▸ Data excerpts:
★ ★ ★
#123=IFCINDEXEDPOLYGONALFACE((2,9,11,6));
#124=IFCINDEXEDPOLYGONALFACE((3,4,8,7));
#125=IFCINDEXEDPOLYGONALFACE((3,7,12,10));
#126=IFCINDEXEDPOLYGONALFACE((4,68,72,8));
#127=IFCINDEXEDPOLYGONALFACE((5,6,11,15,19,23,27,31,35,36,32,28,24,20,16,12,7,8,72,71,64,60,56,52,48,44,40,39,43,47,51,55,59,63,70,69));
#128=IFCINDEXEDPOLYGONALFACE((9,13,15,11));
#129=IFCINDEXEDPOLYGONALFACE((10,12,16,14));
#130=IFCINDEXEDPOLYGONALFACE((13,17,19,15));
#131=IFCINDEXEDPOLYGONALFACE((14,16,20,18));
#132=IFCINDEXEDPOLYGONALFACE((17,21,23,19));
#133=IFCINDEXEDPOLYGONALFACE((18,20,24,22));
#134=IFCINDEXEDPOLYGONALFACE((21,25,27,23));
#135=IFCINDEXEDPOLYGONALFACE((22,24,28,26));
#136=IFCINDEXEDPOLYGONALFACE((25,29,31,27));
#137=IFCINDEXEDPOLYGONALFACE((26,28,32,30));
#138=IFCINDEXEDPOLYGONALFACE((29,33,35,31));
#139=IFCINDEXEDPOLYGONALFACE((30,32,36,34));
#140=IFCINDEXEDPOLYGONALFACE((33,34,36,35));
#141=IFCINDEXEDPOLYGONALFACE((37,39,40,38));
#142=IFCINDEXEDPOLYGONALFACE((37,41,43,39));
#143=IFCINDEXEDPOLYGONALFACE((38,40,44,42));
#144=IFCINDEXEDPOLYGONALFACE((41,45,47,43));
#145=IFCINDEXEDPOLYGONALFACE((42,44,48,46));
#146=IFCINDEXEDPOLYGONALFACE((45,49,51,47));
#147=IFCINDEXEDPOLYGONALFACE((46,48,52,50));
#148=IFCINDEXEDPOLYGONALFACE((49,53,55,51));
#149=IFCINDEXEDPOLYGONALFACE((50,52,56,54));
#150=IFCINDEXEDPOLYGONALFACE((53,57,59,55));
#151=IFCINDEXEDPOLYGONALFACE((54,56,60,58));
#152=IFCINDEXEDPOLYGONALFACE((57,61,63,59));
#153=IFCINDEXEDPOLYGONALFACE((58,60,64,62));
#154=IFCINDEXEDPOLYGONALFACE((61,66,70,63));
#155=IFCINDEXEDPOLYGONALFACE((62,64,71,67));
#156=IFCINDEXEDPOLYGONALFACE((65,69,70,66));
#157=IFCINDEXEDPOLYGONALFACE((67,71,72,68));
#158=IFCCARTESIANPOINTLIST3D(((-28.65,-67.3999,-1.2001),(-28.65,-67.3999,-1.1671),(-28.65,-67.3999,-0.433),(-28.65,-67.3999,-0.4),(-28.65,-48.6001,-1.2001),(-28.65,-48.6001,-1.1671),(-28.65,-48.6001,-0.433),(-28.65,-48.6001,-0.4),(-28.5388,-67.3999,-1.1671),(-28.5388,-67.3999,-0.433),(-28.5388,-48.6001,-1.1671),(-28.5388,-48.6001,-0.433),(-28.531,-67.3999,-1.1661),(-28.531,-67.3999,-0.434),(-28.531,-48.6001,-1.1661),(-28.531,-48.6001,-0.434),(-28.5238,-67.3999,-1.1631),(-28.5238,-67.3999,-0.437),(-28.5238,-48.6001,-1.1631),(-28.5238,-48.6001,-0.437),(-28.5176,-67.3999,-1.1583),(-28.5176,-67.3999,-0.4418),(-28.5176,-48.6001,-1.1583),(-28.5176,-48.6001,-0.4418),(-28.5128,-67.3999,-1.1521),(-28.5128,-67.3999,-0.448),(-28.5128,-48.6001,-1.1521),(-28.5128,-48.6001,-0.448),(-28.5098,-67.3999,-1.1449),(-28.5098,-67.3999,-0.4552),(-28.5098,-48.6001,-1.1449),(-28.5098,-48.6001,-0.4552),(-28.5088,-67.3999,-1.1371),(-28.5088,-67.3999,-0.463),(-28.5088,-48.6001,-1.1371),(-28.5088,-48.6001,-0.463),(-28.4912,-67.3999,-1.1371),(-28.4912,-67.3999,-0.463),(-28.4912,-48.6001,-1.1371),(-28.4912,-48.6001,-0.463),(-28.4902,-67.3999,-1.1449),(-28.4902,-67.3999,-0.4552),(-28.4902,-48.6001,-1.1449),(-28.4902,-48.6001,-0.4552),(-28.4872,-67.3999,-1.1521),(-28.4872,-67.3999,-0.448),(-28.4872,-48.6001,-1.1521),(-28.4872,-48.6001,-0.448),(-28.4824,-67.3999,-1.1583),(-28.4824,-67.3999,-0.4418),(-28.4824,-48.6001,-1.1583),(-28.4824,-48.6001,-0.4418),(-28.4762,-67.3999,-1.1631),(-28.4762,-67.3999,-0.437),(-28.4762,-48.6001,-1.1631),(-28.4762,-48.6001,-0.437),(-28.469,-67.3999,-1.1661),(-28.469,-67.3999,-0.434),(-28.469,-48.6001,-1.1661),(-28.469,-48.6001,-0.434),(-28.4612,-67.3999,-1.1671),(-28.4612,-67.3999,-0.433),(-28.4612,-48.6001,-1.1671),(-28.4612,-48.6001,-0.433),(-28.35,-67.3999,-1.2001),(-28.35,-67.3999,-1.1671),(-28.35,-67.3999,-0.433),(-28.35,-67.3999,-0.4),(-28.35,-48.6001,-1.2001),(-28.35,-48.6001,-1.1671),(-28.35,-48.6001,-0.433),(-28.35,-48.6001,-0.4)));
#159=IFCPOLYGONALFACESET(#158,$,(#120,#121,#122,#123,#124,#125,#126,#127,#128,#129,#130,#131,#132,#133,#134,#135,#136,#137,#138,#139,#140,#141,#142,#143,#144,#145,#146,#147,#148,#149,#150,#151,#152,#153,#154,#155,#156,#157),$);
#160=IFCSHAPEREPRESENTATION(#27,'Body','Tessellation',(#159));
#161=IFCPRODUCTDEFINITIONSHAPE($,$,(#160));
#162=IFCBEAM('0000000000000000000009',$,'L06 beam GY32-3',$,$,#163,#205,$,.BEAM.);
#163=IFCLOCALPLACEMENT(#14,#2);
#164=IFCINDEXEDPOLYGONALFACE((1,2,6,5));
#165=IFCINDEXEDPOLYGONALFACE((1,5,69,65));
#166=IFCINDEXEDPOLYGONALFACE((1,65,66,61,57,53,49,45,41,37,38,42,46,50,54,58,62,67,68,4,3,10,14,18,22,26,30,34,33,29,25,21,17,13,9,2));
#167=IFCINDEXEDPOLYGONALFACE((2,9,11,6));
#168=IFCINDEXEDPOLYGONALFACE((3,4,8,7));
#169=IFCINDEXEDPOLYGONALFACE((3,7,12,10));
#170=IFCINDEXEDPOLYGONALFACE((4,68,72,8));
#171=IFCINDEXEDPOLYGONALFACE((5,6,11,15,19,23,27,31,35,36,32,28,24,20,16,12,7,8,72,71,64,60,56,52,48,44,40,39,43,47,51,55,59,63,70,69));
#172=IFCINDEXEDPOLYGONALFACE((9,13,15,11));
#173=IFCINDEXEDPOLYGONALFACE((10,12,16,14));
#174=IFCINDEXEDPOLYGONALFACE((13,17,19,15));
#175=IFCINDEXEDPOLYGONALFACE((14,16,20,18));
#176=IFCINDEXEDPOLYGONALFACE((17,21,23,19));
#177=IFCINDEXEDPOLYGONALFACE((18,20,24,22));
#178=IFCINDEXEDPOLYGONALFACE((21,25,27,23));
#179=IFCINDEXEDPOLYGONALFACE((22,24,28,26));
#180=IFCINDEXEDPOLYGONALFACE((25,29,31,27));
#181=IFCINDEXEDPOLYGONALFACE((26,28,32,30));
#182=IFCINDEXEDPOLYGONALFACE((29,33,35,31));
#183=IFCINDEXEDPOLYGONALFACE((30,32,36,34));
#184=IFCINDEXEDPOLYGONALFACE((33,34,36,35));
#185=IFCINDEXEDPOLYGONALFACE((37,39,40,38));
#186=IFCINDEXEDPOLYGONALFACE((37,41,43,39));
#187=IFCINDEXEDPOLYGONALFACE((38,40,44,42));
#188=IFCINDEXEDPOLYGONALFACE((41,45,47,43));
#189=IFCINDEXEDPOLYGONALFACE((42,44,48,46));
★ ★ ★
▸ THE PROBLEM:
None of the lines before the one containing "#179=IFCINDEXEDPOLYGONALFACE((22,24,28,26));" belong in the answer; reproduce that line and all later lines of the records exactly.

▸ ANSWER TO THIS EXERCISE:
#179=IFCINDEXEDPOLYGONALFACE((22,24,28,26));
#180=IFCINDEXEDPOLYGONALFACE((25,29,31,27));
#181=IFCINDEXEDPOLYGONALFACE((26,28,32,30));
#182=IFCINDEXEDPOLYGONALFACE((29,33,35,31));
#183=IFCINDEXEDPOLYGONALFACE((30,32,36,34));
#184=IFCINDEXEDPOLYGONALFACE((33,34,36,35));
#185=IFCINDEXEDPOLYGONALFACE((37,39,40,38));
#186=IFCINDEXEDPOLYGONALFACE((37,41,43,39));
#187=IFCINDEXEDPOLYGONALFACE((38,40,44,42));
#188=IFCINDEXEDPOLYGONALFACE((41,45,47,43));
#189=IFCINDEXEDPOLYGONALFACE((42,44,48,46));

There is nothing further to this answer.